[Dataset entries]
++++++++++++++++++++
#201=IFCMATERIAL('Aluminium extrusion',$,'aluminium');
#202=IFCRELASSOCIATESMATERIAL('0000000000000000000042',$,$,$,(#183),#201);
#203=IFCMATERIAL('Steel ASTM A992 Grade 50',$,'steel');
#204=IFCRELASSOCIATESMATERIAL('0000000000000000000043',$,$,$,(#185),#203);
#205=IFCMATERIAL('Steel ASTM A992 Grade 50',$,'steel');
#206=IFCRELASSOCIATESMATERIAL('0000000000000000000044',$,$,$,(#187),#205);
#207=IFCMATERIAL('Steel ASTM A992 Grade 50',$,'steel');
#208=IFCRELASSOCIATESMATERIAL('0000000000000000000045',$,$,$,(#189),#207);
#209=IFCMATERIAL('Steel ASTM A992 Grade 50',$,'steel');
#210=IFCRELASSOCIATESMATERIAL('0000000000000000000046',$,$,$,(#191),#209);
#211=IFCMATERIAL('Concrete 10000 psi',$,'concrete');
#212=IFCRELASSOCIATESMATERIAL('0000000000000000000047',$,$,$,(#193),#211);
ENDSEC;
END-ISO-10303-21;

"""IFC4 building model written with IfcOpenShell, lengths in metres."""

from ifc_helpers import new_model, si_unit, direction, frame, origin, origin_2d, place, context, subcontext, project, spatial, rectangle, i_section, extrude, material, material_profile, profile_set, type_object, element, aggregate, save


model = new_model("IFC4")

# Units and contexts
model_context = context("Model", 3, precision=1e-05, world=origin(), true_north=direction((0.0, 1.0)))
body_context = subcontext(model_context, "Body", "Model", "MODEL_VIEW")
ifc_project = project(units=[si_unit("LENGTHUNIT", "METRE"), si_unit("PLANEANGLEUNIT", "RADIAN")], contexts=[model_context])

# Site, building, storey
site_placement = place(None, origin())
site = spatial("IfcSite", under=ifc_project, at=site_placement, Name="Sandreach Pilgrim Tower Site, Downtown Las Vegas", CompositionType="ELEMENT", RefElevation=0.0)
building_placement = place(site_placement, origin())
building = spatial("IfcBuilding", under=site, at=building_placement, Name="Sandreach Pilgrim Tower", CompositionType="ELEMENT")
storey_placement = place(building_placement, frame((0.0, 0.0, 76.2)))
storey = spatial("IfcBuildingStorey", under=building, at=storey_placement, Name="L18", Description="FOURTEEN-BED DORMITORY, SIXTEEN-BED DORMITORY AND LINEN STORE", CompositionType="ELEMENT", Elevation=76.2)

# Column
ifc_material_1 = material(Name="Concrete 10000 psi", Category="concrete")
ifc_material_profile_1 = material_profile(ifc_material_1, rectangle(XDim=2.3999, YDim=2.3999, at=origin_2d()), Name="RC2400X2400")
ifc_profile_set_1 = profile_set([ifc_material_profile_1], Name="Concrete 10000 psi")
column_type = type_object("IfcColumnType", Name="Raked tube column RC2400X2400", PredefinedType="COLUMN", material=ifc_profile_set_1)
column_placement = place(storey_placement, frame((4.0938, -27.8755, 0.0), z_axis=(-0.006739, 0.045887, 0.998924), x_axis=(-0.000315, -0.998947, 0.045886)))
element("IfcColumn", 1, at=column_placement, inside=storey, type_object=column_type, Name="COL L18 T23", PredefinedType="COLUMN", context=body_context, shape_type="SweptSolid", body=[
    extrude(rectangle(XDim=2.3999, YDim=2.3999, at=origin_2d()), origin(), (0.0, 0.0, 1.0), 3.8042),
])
++++++++++++++++++++
● **WHAT YOU NEED TO DO**: Extract all of the data shown above without alteration.

● **ANSWER AREA**:
#201=IFCMATERIAL('Aluminium extrusion',$,'aluminium');
#202=IFCRELASSOCIATESMATERIAL('0000000000000000000042',$,$,$,(#183),#201);
#203=IFCMATERIAL('Steel ASTM A992 Grade 50',$,'steel');
#204=IFCRELASSOCIATESMATERIAL('0000000000000000000043',$,$,$,(#185),#203);
#205=IFCMATERIAL('Steel ASTM A992 Grade 50',$,'steel');
#206=IFCRELASSOCIATESMATERIAL('0000000000000000000044',$,$,$,(#187),#205);
#207=IFCMATERIAL('Steel ASTM A992 Grade 50',$,'steel');
#208=IFCRELASSOCIATESMATERIAL('0000000000000000000045',$,$,$,(#189),#207);
#209=IFCMATERIAL('Steel ASTM A992 Grade 50',$,'steel');
#210=IFCRELASSOCIATESMATERIAL('0000000000000000000046',$,$,$,(#191),#209);
#211=IFCMATERIAL('Concrete 10000 psi',$,'concrete');
#212=IFCRELASSOCIATESMATERIAL('0000000000000000000047',$,$,$,(#193),#211);
ENDSEC;
END-ISO-10303-21;

"""IFC4 building model written with IfcOpenShell, lengths in metres."""

from ifc_helpers import new_model, si_unit, direction, frame, origin, origin_2d, place, context, subcontext, project, spatial, rectangle, i_section, extrude, material, material_profile, profile_set, type_object, element, aggregate, save


model = new_model("IFC4")

# Units and contexts
model_context = context("Model", 3, precision=1e-05, world=origin(), true_north=direction((0.0, 1.0)))
body_context = subcontext(model_context, "Body", "Model", "MODEL_VIEW")
ifc_project = project(units=[si_unit("LENGTHUNIT", "METRE"), si_unit("PLANEANGLEUNIT", "RADIAN")], contexts=[model_context])

# Site, building, storey
site_placement = place(None, origin())
site = spatial("IfcSite", under=ifc_project, at=site_placement, Name="Sandreach Pilgrim Tower Site, Downtown Las Vegas", CompositionType="ELEMENT", RefElevation=0.0)
building_placement = place(site_placement, origin())
building = spatial("IfcBuilding", under=site, at=building_placement, Name="Sandreach Pilgrim Tower", CompositionType="ELEMENT")
storey_placement = place(building_placement, frame((0.0, 0.0, 76.2)))
storey = spatial("IfcBuildingStorey", under=building, at=storey_placement, Name="L18", Description="FOURTEEN-BED DORMITORY, SIXTEEN-BED DORMITORY AND LINEN STORE", CompositionType="ELEMENT", Elevation=76.2)

# Column
ifc_material_1 = material(Name="Concrete 10000 psi", Category="concrete")
ifc_material_profile_1 = material_profile(ifc_material_1, rectangle(XDim=2.3999, YDim=2.3999, at=origin_2d()), Name="RC2400X2400")
ifc_profile_set_1 = profile_set([ifc_material_profile_1], Name="Concrete 10000 psi")
column_type = type_object("IfcColumnType", Name="Raked tube column RC2400X2400", PredefinedType="COLUMN", material=ifc_profile_set_1)
column_placement = place(storey_placement, frame((4.0938, -27.8755, 0.0), z_axis=(-0.006739, 0.045887, 0.998924), x_axis=(-0.000315, -0.998947, 0.045886)))
element("IfcColumn", 1, at=column_placement, inside=storey, type_object=column_type, Name="COL L18 T23", PredefinedType="COLUMN", context=body_context, shape_type="SweptSolid", body=[
    extrude(rectangle(XDim=2.3999, YDim=2.3999, at=origin_2d()), origin(), (0.0, 0.0, 1.0), 3.8042),
])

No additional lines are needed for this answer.